Work request → Scan the listing below and copy every line holding "IfcRelAggregates".

Given entries →
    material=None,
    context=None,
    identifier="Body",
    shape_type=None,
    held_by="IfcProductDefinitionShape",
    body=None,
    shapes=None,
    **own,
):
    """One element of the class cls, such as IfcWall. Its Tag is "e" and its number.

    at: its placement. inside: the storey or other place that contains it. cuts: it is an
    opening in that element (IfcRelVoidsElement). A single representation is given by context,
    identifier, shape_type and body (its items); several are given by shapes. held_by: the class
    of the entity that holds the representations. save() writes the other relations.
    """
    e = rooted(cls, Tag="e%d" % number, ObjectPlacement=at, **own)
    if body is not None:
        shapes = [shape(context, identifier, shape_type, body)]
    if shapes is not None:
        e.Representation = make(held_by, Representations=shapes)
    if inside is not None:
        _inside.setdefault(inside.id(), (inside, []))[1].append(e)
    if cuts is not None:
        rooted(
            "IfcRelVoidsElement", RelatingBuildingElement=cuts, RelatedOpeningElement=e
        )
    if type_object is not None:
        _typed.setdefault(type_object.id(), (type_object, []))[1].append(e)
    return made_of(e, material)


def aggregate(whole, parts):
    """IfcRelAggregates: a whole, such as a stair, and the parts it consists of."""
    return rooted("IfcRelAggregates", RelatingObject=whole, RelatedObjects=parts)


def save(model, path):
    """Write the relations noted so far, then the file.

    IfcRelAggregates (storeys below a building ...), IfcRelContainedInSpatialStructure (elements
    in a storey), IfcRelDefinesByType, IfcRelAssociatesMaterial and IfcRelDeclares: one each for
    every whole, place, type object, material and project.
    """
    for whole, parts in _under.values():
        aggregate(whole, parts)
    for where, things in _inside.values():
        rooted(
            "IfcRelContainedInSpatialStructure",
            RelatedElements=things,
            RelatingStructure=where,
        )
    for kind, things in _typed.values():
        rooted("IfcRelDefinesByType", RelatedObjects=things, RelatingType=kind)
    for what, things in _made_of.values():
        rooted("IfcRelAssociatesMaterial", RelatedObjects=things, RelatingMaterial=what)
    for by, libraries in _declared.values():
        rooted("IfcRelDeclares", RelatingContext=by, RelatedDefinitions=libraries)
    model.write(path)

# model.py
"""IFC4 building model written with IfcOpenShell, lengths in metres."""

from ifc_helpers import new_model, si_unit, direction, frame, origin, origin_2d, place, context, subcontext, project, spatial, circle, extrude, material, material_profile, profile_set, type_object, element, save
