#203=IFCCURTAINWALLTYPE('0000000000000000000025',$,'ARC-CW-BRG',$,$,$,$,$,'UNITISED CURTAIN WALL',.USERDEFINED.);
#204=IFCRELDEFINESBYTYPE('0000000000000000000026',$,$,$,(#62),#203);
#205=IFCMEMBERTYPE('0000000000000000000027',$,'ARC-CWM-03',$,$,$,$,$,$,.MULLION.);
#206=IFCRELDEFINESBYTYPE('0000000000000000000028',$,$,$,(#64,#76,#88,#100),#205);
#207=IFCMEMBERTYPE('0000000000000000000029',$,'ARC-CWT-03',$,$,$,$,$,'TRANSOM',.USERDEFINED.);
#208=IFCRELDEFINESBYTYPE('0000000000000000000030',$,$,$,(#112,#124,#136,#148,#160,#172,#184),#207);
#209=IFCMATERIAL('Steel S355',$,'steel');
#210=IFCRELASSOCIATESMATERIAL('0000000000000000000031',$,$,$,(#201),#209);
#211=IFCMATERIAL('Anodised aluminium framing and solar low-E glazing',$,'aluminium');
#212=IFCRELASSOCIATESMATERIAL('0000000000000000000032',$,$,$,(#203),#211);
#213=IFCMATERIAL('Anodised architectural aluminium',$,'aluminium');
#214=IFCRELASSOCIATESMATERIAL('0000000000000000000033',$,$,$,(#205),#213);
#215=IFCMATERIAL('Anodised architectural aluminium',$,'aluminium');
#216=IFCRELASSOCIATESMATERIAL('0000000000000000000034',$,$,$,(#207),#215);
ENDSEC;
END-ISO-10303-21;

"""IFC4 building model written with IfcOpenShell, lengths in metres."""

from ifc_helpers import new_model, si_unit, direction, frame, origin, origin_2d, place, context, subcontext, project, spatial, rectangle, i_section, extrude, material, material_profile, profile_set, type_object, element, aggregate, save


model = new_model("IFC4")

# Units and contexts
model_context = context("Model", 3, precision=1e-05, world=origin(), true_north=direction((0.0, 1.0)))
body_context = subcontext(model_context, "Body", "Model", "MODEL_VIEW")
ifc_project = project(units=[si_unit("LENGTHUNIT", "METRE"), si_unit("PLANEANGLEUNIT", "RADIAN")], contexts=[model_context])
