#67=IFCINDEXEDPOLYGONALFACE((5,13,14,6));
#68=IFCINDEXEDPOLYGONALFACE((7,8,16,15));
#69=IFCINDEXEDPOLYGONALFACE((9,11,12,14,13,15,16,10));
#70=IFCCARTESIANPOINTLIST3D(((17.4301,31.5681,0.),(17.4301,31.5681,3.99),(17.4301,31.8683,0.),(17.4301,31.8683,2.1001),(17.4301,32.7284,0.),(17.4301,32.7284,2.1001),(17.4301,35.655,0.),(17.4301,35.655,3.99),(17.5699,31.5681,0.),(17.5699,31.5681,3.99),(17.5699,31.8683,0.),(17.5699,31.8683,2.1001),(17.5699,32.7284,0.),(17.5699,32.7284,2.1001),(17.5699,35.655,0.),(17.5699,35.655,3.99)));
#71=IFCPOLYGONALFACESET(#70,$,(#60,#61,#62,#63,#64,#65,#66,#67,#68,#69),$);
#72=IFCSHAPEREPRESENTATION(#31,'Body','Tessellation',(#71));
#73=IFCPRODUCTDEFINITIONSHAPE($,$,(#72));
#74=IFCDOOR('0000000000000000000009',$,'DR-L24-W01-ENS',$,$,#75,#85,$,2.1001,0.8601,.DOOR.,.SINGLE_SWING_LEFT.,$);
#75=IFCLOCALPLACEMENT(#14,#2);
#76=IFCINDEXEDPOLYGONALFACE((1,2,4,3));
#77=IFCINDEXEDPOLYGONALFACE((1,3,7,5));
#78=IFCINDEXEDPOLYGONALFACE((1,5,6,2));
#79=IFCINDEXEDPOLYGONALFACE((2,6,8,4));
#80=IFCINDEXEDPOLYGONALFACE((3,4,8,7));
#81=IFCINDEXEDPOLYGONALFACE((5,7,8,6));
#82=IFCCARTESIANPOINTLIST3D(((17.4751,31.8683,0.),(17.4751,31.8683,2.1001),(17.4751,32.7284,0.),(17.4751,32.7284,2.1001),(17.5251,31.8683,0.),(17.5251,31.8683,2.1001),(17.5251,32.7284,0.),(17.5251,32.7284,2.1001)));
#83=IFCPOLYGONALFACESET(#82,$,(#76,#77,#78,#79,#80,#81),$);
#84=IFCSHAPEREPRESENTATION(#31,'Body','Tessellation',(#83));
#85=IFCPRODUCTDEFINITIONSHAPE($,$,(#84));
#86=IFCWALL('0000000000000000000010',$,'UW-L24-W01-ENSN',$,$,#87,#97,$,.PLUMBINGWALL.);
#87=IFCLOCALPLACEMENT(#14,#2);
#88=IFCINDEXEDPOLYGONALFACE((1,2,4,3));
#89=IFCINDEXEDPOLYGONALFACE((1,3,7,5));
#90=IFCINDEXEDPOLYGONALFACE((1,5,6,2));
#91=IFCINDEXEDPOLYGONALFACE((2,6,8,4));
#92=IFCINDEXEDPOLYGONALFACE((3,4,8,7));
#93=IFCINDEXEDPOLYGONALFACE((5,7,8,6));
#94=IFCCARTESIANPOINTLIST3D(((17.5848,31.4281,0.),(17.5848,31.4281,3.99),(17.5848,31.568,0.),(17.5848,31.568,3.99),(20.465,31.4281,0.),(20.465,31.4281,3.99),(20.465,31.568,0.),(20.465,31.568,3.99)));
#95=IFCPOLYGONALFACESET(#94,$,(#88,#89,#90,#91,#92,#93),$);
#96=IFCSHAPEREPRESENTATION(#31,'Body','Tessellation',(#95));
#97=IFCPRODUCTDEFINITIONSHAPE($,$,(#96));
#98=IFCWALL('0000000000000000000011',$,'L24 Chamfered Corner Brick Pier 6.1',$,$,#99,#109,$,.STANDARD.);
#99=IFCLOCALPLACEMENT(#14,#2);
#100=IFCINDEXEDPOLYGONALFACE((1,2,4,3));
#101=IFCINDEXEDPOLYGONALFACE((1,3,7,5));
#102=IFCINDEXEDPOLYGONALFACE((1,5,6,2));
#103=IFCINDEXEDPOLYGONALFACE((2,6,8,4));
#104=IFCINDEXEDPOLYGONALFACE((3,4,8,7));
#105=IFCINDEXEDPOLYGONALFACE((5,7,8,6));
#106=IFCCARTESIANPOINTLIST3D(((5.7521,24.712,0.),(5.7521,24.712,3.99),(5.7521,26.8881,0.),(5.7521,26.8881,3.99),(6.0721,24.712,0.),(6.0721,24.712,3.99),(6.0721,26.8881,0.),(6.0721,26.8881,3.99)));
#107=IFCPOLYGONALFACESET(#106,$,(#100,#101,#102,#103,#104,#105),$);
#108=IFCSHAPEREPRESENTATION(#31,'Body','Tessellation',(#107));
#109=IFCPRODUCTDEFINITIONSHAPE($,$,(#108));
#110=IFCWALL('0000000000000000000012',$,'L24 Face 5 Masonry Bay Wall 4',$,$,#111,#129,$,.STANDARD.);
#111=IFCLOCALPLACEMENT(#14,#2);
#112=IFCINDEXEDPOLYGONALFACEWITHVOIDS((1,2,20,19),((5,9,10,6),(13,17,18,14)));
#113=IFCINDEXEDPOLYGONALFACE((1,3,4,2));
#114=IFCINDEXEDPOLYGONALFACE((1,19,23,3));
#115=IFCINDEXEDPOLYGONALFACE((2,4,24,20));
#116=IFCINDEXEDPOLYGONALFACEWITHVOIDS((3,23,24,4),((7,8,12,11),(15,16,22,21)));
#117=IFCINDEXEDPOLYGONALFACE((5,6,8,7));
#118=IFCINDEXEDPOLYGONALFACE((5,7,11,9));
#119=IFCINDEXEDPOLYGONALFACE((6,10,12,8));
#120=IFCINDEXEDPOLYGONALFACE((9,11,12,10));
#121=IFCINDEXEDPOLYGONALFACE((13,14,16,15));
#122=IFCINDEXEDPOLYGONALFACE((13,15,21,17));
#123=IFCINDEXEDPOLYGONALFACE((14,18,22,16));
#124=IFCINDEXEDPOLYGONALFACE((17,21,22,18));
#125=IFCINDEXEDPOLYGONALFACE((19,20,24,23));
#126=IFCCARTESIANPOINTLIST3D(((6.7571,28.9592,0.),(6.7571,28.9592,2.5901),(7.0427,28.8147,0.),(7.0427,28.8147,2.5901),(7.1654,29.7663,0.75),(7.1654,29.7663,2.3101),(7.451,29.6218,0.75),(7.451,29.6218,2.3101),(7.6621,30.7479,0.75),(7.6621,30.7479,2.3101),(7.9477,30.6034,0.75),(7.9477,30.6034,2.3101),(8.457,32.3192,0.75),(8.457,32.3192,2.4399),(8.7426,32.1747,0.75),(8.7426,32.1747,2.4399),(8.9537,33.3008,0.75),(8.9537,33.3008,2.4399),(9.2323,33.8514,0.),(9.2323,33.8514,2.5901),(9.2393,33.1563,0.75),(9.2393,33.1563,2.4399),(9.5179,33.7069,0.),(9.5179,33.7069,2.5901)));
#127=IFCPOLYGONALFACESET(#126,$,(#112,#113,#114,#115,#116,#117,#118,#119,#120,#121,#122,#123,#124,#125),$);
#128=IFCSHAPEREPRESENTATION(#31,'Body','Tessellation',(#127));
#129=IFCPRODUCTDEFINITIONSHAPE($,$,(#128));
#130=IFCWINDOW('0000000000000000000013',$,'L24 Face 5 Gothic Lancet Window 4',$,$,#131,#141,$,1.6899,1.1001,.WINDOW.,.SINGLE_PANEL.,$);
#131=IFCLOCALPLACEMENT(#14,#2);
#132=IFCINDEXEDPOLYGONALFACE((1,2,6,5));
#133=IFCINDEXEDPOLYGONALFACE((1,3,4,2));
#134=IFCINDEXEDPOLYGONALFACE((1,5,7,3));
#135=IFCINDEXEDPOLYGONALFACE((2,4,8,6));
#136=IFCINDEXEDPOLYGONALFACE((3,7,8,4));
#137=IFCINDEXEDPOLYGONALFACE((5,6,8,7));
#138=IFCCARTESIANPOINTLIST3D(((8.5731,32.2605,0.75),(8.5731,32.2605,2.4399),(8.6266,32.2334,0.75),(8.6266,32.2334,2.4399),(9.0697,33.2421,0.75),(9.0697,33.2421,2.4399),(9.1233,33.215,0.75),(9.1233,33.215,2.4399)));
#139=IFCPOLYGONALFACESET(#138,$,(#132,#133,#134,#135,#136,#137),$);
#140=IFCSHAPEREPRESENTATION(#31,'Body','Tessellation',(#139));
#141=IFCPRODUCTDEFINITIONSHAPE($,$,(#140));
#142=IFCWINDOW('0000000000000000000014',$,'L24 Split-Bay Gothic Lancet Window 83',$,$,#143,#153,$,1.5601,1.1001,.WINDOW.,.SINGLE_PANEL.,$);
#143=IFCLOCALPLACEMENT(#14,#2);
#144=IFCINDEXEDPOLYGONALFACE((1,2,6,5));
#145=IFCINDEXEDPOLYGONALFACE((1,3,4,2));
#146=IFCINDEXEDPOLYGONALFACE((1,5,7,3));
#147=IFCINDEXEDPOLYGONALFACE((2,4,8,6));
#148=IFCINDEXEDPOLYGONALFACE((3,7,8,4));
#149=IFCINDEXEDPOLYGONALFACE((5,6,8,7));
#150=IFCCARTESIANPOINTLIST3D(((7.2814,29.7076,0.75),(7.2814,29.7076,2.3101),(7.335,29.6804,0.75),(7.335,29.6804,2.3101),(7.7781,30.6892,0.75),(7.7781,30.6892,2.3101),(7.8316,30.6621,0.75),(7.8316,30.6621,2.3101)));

Exercise result →
    """IfcRelAggregates: a whole, such as a stair, and the parts it consists of."""
    return rooted("IfcRelAggregates", RelatingObject=whole, RelatedObjects=parts)
    IfcRelAggregates (storeys below a building ...), IfcRelContainedInSpatialStructure (elements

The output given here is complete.